Exercise instructions »
Wherever the word "insulated" appears in a line of the records, copy that line.

(Collected data entries)
= = =

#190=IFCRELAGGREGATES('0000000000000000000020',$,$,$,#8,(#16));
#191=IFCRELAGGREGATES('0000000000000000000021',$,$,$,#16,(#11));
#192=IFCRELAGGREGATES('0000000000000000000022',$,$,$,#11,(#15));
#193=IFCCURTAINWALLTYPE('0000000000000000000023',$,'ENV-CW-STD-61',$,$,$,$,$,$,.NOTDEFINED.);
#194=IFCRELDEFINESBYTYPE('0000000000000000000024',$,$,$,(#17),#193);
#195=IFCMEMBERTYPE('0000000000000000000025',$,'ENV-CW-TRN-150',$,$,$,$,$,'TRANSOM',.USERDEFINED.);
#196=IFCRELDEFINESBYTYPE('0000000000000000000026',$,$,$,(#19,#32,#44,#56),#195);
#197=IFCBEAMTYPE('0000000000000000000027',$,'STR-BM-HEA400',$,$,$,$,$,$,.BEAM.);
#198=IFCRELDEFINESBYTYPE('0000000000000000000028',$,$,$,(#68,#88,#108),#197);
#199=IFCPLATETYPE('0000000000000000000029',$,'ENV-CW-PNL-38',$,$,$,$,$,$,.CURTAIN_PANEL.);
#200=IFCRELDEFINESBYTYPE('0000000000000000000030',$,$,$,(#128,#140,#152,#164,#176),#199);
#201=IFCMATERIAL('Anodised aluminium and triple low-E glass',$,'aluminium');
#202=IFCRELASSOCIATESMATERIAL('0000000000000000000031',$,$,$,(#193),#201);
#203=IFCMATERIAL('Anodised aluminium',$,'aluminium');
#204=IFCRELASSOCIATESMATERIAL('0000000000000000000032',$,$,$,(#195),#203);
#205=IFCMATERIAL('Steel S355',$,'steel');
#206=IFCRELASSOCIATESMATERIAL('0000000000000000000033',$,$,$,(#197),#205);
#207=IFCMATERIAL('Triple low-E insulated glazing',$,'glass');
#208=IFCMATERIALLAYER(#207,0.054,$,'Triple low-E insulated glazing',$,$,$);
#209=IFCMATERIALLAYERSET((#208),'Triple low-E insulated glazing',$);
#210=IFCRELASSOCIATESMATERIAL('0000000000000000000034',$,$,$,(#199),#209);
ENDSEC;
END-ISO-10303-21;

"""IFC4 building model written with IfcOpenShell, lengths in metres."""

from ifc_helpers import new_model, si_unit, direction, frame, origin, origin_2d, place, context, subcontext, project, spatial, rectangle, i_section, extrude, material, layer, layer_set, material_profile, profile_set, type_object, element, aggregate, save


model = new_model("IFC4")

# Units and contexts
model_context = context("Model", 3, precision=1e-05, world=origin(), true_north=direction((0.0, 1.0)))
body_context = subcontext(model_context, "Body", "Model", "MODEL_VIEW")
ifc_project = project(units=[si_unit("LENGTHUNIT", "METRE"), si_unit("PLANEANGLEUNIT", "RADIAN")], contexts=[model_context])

= = =

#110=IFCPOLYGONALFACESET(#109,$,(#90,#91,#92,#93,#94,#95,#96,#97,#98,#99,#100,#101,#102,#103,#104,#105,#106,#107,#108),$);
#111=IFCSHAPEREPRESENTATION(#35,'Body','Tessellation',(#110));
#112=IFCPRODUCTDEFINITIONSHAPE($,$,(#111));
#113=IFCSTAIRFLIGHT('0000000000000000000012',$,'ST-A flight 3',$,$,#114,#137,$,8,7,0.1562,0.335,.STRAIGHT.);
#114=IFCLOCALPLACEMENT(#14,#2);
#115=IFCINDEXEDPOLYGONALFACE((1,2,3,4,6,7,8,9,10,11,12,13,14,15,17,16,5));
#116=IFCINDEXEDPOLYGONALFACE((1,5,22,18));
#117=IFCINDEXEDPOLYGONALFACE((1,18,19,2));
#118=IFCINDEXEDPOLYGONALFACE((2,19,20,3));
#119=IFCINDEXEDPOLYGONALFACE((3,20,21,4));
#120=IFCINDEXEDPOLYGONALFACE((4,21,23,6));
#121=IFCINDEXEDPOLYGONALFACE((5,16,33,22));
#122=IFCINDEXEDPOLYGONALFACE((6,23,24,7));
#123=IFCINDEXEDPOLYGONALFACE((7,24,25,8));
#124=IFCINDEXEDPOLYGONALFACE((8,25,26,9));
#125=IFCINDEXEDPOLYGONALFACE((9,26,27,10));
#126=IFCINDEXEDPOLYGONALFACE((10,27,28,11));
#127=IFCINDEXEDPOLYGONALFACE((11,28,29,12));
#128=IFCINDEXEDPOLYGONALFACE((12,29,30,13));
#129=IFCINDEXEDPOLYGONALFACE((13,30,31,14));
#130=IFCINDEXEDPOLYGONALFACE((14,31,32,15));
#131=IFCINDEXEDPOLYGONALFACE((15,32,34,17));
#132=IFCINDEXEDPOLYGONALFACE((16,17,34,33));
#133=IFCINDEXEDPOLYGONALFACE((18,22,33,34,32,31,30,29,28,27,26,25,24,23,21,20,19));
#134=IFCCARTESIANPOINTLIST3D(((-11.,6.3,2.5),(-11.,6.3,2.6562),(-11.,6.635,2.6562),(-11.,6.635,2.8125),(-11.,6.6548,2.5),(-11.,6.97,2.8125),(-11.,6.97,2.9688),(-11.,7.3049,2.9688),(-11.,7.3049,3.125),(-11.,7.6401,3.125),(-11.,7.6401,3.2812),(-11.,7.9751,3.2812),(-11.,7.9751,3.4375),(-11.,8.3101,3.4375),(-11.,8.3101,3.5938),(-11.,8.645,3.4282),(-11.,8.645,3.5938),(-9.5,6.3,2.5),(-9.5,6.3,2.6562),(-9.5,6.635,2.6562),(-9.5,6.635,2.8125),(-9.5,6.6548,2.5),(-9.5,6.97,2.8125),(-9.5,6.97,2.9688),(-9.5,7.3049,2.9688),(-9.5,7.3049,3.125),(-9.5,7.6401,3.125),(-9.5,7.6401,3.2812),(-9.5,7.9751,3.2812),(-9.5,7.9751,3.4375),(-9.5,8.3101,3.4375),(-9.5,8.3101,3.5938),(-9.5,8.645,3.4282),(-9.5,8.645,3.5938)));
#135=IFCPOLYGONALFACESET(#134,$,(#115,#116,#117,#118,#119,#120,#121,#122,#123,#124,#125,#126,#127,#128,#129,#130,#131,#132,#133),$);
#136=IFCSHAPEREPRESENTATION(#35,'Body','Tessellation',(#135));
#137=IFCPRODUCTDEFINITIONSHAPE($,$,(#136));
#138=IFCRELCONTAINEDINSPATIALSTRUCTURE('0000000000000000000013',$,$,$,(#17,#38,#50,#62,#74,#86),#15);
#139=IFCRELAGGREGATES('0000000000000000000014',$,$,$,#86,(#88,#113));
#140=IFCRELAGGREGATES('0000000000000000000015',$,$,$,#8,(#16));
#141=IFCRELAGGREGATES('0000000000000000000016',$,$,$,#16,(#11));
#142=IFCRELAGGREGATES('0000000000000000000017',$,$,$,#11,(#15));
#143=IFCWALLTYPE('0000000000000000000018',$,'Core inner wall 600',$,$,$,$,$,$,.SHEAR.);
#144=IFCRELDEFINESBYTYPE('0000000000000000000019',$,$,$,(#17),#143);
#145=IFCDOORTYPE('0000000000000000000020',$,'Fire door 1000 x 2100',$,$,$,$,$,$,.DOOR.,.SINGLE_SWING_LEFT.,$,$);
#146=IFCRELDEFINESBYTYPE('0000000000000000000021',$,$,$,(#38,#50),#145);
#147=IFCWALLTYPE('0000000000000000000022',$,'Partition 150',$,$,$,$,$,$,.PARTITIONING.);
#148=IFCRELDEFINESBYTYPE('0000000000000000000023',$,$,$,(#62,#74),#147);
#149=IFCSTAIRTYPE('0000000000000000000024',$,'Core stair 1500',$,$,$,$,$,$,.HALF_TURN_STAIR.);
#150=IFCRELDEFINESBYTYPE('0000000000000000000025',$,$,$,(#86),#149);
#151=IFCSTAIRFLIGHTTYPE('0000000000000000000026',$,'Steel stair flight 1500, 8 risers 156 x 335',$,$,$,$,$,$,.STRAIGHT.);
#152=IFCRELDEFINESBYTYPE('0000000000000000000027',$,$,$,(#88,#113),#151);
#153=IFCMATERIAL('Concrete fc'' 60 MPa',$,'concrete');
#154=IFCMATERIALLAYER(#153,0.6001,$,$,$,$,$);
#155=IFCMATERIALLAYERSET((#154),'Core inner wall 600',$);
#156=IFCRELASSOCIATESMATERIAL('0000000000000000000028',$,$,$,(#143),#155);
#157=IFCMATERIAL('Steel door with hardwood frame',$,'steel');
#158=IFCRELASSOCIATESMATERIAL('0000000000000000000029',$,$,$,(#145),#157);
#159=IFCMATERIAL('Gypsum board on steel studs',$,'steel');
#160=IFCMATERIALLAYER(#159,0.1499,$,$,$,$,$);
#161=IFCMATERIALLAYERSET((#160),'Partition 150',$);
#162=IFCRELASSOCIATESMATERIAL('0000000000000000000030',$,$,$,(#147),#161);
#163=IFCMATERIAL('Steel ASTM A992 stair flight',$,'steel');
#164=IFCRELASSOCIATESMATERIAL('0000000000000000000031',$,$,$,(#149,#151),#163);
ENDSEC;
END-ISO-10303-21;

= = =

Answer for the task »
#207=IFCMATERIAL('Triple low-E insulated glazing',$,'glass');
#208=IFCMATERIALLAYER(#207,0.054,$,'Triple low-E insulated glazing',$,$,$);
#209=IFCMATERIALLAYERSET((#208),'Triple low-E insulated glazing',$);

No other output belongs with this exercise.